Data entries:
☆ ☆ ☆ ☆ ☆ ☆ ☆
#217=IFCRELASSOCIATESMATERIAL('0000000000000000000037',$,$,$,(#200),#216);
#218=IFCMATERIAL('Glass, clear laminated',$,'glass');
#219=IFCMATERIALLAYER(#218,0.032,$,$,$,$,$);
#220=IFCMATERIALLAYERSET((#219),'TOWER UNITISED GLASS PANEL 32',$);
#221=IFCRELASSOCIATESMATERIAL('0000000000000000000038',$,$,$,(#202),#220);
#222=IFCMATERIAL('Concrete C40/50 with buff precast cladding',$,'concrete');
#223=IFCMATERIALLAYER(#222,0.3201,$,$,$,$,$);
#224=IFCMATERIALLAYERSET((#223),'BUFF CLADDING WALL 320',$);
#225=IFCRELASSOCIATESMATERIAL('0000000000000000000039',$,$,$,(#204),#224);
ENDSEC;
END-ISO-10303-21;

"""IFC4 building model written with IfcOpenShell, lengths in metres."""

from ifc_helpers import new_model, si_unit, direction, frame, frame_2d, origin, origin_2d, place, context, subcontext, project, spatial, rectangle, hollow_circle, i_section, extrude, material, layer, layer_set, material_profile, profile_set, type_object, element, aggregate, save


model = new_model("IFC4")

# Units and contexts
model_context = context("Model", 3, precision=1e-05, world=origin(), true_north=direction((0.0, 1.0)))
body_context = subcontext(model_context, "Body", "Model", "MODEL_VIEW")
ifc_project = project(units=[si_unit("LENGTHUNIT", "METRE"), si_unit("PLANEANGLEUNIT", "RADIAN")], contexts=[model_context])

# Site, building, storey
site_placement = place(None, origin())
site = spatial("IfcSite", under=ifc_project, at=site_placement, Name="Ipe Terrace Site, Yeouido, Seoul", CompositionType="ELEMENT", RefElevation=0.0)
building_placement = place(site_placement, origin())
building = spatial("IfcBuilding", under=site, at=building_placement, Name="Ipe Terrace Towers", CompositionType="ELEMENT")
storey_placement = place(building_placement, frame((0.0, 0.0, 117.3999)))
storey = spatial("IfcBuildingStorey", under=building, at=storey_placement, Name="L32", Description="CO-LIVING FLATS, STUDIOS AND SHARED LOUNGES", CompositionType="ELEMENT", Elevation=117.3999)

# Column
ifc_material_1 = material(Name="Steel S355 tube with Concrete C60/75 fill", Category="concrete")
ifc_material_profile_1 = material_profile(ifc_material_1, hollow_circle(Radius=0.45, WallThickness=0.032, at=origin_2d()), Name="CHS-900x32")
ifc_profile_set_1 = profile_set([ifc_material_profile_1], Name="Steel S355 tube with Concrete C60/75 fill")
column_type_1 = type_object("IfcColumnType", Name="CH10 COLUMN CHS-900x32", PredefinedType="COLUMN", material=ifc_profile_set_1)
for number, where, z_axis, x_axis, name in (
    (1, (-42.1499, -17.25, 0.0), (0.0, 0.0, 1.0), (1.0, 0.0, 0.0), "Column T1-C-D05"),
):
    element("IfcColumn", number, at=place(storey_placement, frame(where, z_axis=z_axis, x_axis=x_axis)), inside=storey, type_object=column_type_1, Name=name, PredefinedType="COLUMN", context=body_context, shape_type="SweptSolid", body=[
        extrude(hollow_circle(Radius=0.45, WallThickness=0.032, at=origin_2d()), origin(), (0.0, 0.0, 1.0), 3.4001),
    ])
☆ ☆ ☆ ☆ ☆ ☆ ☆
» What you should do: Transcribe the data in full, matching every line exactly.

» Written answer:
#217=IFCRELASSOCIATESMATERIAL('0000000000000000000037',$,$,$,(#200),#216);
#218=IFCMATERIAL('Glass, clear laminated',$,'glass');
#219=IFCMATERIALLAYER(#218,0.032,$,$,$,$,$);
#220=IFCMATERIALLAYERSET((#219),'TOWER UNITISED GLASS PANEL 32',$);
#221=IFCRELASSOCIATESMATERIAL('0000000000000000000038',$,$,$,(#202),#220);
#222=IFCMATERIAL('Concrete C40/50 with buff precast cladding',$,'concrete');
#223=IFCMATERIALLAYER(#222,0.3201,$,$,$,$,$);
#224=IFCMATERIALLAYERSET((#223),'BUFF CLADDING WALL 320',$);
#225=IFCRELASSOCIATESMATERIAL('0000000000000000000039',$,$,$,(#204),#224);
ENDSEC;
END-ISO-10303-21;

"""IFC4 building model written with IfcOpenShell, lengths in metres."""

from ifc_helpers import new_model, si_unit, direction, frame, frame_2d, origin, origin_2d, place, context, subcontext, project, spatial, rectangle, hollow_circle, i_section, extrude, material, layer, layer_set, material_profile, profile_set, type_object, element, aggregate, save


model = new_model("IFC4")

# Units and contexts
model_context = context("Model", 3, precision=1e-05, world=origin(), true_north=direction((0.0, 1.0)))
body_context = subcontext(model_context, "Body", "Model", "MODEL_VIEW")
ifc_project = project(units=[si_unit("LENGTHUNIT", "METRE"), si_unit("PLANEANGLEUNIT", "RADIAN")], contexts=[model_context])

# Site, building, storey
site_placement = place(None, origin())
site = spatial("IfcSite", under=ifc_project, at=site_placement, Name="Ipe Terrace Site, Yeouido, Seoul", CompositionType="ELEMENT", RefElevation=0.0)
building_placement = place(site_placement, origin())
building = spatial("IfcBuilding", under=site, at=building_placement, Name="Ipe Terrace Towers", CompositionType="ELEMENT")
storey_placement = place(building_placement, frame((0.0, 0.0, 117.3999)))
storey = spatial("IfcBuildingStorey", under=building, at=storey_placement, Name="L32", Description="CO-LIVING FLATS, STUDIOS AND SHARED LOUNGES", CompositionType="ELEMENT", Elevation=117.3999)

# Column
ifc_material_1 = material(Name="Steel S355 tube with Concrete C60/75 fill", Category="concrete")
ifc_material_profile_1 = material_profile(ifc_material_1, hollow_circle(Radius=0.45, WallThickness=0.032, at=origin_2d()), Name="CHS-900x32")
ifc_profile_set_1 = profile_set([ifc_material_profile_1], Name="Steel S355 tube with Concrete C60/75 fill")
column_type_1 = type_object("IfcColumnType", Name="CH10 COLUMN CHS-900x32", PredefinedType="COLUMN", material=ifc_profile_set_1)
for number, where, z_axis, x_axis, name in (
    (1, (-42.1499, -17.25, 0.0), (0.0, 0.0, 1.0), (1.0, 0.0, 0.0), "Column T1-C-D05"),
):
    element("IfcColumn", number, at=place(storey_placement, frame(where, z_axis=z_axis, x_axis=x_axis)), inside=storey, type_object=column_type_1, Name=name, PredefinedType="COLUMN", context=body_context, shape_type="SweptSolid", body=[
        extrude(hollow_circle(Radius=0.45, WallThickness=0.032, at=origin_2d()), origin(), (0.0, 0.0, 1.0), 3.4001),
    ])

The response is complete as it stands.